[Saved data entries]
☆ ☆ ☆ ☆ ☆ ☆ ☆
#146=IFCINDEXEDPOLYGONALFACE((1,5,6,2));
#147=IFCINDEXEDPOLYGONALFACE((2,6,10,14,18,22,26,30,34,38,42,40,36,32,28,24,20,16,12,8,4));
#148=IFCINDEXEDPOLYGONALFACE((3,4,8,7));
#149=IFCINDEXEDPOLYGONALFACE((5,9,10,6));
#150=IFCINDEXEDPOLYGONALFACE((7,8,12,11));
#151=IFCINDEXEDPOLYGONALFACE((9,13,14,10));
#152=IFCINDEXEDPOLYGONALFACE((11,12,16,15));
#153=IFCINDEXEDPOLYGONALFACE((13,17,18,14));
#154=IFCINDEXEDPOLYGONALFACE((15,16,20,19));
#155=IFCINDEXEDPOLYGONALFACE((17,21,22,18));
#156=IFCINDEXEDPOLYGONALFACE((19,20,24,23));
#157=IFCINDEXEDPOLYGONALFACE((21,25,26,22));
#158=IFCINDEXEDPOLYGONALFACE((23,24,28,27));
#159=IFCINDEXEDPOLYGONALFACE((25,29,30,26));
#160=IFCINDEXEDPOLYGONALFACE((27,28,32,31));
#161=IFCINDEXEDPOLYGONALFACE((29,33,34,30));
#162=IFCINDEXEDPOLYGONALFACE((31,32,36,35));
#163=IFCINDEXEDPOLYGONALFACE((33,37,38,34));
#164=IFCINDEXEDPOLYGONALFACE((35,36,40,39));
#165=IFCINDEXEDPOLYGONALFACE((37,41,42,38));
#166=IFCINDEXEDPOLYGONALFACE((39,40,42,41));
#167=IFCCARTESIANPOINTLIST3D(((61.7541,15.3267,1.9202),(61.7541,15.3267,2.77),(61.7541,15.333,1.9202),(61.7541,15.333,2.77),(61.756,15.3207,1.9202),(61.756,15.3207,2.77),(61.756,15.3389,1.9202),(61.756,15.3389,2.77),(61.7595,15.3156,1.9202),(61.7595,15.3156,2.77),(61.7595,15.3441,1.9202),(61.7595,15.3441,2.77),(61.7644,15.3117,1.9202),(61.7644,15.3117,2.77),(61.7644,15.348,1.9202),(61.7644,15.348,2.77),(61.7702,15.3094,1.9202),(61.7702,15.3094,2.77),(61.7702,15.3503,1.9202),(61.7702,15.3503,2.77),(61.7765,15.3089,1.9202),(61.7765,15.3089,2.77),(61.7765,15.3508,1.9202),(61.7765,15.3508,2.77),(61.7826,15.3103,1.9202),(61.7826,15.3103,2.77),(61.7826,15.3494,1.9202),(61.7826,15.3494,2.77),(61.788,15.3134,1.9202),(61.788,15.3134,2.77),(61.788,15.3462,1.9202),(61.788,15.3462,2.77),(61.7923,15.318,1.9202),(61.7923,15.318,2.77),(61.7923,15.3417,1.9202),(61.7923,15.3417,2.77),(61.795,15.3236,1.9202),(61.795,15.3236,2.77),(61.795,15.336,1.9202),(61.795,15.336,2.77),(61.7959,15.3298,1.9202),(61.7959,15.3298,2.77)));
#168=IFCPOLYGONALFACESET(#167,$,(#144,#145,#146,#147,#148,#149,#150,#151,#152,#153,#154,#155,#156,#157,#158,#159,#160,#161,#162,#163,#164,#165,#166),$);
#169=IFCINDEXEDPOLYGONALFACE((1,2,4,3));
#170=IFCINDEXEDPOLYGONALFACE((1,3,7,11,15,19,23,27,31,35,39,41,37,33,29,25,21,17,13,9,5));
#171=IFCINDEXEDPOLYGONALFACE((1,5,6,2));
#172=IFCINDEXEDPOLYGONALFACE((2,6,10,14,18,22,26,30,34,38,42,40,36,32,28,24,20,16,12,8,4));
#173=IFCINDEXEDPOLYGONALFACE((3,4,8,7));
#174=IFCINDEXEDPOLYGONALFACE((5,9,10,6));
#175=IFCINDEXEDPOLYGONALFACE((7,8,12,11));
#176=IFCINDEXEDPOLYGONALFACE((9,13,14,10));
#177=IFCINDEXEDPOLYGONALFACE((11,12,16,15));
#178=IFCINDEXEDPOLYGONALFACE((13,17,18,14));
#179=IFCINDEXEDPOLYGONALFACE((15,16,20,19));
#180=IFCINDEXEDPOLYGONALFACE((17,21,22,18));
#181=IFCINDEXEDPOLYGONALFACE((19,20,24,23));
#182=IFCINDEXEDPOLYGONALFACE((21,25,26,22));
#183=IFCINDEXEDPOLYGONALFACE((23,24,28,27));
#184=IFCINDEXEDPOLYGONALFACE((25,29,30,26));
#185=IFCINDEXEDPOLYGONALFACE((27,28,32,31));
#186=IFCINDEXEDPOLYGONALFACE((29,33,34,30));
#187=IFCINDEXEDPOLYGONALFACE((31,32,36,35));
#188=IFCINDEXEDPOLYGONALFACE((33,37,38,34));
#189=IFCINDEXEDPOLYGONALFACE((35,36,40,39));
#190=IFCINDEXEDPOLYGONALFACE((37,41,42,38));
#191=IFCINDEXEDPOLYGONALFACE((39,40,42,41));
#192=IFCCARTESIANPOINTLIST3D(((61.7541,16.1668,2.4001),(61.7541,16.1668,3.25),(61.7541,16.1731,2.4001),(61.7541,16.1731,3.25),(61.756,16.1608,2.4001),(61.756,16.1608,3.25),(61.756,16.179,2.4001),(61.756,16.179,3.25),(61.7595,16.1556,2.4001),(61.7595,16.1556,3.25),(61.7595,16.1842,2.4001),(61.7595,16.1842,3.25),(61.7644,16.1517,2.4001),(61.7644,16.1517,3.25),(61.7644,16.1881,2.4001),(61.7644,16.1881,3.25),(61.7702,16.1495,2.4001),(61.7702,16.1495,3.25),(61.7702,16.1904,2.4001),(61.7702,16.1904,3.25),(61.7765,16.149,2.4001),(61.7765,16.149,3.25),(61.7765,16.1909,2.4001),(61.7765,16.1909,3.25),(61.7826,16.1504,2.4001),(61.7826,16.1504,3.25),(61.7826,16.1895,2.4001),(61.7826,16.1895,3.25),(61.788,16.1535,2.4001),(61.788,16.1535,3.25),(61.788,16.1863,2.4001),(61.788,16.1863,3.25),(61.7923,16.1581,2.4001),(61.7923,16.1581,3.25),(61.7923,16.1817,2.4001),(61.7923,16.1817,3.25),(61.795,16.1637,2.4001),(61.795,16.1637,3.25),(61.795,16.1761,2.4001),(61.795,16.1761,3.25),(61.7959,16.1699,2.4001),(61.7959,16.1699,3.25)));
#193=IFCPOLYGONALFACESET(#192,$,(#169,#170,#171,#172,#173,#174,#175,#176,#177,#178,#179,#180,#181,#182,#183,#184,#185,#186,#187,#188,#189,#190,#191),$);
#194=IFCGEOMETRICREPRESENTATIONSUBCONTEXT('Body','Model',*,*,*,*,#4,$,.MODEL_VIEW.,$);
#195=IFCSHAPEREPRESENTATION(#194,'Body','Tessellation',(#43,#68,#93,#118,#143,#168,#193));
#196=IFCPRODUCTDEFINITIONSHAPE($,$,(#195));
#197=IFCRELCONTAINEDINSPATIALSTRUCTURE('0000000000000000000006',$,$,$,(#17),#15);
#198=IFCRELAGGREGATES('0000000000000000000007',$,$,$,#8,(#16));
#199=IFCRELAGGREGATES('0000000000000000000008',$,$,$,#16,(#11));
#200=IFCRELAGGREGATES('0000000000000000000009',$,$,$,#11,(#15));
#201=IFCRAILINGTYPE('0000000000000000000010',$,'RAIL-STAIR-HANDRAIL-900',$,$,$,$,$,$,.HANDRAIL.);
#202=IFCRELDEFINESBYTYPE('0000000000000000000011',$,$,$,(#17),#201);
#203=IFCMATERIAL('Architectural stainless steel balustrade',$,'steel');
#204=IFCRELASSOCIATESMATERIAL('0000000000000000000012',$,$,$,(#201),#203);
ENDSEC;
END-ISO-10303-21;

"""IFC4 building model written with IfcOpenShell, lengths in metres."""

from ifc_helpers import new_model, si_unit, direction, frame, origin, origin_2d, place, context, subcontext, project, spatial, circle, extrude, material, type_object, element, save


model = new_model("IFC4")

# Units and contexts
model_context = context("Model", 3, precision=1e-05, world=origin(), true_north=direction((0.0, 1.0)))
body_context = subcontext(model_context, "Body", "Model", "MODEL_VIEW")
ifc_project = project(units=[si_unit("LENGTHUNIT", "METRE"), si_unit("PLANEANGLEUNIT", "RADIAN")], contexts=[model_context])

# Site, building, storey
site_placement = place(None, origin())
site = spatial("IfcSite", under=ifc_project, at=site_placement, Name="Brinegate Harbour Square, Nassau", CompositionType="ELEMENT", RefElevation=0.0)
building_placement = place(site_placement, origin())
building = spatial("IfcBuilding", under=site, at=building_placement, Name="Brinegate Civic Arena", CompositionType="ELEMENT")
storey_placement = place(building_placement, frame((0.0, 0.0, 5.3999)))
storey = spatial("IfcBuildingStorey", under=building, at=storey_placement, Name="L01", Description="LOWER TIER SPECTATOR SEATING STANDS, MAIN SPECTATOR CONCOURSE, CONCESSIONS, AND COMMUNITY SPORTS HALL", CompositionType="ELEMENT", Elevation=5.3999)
☆ ☆ ☆ ☆ ☆ ☆ ☆
[Task]: Your answer is a single number: the count of lines in the records holding the string "IFCPOLYGONALFACESET".

[Answer space]: 2